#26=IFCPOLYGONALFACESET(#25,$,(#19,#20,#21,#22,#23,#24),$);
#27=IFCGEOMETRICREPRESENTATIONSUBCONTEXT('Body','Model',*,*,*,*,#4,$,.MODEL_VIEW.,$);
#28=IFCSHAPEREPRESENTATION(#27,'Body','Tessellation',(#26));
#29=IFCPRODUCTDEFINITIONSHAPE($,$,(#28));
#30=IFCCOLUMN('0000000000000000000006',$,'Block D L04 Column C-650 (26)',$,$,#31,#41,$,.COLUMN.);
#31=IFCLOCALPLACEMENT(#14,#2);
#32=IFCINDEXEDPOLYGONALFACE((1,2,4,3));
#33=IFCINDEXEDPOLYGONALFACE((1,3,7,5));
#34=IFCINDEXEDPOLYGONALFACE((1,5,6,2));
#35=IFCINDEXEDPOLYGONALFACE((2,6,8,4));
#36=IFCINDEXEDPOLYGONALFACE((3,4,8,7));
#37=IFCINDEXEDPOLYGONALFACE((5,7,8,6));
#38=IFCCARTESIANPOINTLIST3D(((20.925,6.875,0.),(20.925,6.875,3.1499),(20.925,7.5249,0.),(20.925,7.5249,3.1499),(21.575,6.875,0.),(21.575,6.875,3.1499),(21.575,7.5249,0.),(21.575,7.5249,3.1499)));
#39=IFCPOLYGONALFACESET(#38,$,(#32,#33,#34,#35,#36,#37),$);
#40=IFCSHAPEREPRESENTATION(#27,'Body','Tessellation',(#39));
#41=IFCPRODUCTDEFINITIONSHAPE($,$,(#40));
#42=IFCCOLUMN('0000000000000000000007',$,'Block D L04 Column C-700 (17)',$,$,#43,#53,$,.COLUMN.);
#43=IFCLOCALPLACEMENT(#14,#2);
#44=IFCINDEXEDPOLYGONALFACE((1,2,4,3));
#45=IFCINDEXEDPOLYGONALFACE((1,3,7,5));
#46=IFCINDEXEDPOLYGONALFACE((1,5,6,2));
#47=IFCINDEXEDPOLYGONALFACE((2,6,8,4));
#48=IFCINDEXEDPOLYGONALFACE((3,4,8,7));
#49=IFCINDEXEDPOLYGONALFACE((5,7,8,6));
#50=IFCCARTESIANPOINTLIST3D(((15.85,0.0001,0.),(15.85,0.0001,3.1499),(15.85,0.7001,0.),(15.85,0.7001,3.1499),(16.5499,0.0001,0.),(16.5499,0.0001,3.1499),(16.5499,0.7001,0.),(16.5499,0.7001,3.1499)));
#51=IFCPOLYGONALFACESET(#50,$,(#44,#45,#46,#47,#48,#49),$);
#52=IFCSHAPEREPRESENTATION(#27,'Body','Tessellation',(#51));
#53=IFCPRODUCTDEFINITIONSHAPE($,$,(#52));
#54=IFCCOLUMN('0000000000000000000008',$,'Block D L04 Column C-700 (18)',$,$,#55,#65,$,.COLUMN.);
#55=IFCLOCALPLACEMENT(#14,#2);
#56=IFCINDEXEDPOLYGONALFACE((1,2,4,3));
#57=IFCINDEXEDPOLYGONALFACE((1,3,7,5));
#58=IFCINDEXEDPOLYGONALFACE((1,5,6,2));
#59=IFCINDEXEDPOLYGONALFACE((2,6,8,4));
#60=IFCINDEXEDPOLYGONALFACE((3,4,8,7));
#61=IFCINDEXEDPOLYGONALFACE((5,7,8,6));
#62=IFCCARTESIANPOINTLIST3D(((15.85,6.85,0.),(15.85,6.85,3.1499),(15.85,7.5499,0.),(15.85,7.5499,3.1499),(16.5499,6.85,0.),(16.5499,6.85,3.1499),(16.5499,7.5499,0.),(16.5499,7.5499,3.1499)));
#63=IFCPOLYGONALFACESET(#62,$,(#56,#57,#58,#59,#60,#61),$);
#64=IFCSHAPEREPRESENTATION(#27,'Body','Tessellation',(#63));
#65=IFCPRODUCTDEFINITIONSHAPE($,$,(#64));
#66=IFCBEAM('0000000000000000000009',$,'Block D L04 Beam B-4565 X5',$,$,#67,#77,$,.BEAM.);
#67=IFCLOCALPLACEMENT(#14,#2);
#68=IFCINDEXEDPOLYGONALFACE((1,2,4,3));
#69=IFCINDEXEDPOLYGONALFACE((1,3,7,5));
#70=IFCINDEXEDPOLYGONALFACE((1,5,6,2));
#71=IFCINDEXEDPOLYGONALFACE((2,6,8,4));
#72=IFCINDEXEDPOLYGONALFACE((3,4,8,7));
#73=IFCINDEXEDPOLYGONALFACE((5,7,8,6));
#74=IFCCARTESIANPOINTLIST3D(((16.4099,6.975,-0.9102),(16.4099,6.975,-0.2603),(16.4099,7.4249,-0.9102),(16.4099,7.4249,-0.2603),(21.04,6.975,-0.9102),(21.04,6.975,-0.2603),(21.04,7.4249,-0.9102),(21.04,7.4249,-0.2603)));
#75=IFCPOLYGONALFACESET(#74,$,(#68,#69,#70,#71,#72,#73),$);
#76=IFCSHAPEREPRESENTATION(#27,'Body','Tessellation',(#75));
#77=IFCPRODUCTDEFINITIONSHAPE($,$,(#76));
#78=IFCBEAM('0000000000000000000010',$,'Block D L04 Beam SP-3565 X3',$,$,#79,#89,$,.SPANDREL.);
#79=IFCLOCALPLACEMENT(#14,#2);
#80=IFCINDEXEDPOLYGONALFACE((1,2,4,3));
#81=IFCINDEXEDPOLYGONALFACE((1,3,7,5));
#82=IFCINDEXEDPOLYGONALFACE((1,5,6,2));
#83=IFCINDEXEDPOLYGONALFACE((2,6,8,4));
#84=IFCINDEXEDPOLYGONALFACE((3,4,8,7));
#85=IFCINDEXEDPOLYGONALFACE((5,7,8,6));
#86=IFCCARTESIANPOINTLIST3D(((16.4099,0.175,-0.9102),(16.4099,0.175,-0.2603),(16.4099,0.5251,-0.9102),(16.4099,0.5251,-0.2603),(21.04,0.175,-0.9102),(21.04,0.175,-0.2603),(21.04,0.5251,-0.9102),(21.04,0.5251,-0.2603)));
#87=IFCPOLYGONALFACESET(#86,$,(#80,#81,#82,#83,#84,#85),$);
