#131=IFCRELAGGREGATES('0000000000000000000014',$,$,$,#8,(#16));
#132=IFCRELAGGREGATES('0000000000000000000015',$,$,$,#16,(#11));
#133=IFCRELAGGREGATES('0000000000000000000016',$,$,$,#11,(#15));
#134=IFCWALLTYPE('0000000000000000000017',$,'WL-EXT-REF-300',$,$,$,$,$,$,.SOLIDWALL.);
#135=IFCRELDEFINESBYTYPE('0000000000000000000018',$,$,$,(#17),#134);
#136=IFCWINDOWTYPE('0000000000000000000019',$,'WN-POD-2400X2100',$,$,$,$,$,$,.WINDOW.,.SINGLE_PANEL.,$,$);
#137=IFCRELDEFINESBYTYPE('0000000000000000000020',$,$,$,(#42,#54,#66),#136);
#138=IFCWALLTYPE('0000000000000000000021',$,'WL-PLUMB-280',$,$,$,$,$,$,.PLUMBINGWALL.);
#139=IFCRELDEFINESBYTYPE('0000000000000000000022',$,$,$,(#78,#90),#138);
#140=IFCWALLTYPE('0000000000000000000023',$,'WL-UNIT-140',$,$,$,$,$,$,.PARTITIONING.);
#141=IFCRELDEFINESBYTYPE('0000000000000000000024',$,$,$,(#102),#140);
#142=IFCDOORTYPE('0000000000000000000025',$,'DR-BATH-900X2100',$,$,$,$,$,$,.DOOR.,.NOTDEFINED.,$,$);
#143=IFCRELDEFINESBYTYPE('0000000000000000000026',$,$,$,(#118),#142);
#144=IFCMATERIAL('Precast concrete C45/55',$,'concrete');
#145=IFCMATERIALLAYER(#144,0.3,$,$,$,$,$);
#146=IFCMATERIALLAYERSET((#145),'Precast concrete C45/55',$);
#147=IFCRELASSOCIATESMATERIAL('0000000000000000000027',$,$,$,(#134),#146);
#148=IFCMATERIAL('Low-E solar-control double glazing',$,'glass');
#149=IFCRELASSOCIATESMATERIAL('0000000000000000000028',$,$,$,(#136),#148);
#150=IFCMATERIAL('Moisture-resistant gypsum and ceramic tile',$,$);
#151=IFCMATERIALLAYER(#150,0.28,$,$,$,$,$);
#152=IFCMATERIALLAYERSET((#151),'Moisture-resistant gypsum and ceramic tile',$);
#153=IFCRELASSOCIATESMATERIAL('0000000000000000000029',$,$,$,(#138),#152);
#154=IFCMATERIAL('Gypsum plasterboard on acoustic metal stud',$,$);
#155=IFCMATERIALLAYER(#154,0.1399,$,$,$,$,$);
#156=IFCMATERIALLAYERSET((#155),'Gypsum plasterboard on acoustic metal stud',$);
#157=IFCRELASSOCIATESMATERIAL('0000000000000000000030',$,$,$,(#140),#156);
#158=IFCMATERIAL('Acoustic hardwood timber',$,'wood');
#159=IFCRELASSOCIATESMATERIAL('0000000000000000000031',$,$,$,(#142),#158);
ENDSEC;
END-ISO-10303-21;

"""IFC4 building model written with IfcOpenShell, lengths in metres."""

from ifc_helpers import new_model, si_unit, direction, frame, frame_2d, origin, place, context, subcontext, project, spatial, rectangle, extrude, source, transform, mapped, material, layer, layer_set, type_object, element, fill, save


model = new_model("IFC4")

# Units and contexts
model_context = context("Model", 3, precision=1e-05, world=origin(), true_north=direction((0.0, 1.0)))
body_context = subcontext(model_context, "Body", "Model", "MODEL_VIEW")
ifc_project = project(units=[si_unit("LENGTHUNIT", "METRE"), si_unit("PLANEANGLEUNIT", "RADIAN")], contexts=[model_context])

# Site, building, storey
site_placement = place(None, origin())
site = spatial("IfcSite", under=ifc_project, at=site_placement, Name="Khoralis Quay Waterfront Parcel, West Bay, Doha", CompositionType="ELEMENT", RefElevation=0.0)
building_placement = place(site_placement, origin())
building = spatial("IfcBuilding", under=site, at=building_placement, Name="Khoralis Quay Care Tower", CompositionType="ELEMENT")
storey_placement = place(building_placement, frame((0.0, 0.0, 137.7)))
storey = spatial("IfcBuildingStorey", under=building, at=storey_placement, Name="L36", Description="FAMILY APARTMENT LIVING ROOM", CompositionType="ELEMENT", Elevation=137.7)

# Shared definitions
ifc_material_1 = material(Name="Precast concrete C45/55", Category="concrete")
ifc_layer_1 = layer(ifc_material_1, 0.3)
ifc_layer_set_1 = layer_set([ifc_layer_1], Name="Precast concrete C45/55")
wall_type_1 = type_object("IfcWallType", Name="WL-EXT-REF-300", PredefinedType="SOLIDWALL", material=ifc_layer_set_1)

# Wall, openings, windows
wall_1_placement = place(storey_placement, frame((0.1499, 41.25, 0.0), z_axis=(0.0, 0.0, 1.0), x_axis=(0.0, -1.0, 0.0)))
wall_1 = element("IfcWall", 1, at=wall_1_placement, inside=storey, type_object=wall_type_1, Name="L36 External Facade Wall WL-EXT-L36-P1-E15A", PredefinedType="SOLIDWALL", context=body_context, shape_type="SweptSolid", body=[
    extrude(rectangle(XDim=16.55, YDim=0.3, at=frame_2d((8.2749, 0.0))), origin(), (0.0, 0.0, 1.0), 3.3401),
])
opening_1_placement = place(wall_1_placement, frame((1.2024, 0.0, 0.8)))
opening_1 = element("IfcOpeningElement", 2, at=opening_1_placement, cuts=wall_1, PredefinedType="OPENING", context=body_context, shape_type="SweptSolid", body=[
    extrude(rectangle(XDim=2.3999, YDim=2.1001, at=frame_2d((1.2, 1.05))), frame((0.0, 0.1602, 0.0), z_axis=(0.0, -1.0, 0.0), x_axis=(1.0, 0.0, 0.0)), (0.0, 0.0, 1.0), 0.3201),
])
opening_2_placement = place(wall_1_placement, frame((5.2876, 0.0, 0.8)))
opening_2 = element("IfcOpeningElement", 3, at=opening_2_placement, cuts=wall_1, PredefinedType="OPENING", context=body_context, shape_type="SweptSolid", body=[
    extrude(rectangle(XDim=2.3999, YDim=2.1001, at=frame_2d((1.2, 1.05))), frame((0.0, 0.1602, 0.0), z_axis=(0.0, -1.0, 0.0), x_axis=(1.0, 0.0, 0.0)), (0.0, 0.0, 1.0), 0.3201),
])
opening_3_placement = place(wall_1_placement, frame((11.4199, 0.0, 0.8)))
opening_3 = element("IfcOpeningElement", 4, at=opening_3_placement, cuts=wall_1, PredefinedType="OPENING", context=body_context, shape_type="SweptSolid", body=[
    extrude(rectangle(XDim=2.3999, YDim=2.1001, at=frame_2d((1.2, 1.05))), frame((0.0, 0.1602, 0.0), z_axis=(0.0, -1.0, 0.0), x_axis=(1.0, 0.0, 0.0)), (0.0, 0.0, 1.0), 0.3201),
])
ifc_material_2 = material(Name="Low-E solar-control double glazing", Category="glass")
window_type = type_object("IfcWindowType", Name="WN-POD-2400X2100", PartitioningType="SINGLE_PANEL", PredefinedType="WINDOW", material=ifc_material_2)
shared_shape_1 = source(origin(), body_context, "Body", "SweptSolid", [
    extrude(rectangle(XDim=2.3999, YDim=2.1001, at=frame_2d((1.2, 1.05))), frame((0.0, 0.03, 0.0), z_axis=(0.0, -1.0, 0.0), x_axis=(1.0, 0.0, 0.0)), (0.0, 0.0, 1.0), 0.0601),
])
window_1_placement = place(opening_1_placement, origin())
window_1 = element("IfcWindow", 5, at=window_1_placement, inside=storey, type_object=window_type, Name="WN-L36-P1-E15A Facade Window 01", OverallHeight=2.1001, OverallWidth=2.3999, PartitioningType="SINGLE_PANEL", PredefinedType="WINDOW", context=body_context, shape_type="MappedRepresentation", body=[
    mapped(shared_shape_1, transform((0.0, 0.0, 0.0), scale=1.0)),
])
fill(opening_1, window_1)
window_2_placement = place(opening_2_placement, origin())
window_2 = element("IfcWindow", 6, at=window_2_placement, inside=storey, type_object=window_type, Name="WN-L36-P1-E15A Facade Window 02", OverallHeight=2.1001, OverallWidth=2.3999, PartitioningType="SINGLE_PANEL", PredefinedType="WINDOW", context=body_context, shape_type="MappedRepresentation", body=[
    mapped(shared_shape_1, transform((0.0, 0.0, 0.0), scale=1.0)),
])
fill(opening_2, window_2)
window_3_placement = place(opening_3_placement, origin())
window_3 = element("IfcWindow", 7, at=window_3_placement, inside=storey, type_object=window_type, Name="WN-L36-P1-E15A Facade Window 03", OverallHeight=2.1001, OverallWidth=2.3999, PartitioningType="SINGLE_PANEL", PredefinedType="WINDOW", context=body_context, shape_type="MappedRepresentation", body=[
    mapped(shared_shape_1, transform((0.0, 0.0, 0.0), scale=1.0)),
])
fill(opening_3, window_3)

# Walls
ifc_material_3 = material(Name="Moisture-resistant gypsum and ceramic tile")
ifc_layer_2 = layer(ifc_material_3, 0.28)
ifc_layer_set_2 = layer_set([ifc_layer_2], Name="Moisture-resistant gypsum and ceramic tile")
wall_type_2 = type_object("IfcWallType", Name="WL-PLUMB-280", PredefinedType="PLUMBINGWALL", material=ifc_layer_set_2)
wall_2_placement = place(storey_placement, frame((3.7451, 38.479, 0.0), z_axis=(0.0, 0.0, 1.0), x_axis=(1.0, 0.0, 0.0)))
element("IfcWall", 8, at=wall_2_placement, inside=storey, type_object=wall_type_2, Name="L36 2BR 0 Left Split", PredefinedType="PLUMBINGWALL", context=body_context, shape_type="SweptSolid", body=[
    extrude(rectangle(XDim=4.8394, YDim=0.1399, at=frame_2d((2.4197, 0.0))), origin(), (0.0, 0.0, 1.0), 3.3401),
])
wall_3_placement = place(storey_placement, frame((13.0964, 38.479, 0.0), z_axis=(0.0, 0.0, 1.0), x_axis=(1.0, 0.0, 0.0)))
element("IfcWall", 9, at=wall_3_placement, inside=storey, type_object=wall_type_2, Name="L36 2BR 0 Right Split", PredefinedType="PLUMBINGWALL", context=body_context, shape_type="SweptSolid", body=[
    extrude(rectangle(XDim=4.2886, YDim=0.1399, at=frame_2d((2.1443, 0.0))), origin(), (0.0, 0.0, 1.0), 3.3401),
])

WHAT IS EXPECTED:
Where the string "IFCLOCALPLACEMENT" occurs in a line of the listing, copy the line.

RESULT:
#31=IFCLOCALPLACEMENT(#14,#2);
#43=IFCLOCALPLACEMENT(#14,#2);
#55=IFCLOCALPLACEMENT(#14,#2);
#67=IFCLOCALPLACEMENT(#14,#2);
#79=IFCLOCALPLACEMENT(#14,#2);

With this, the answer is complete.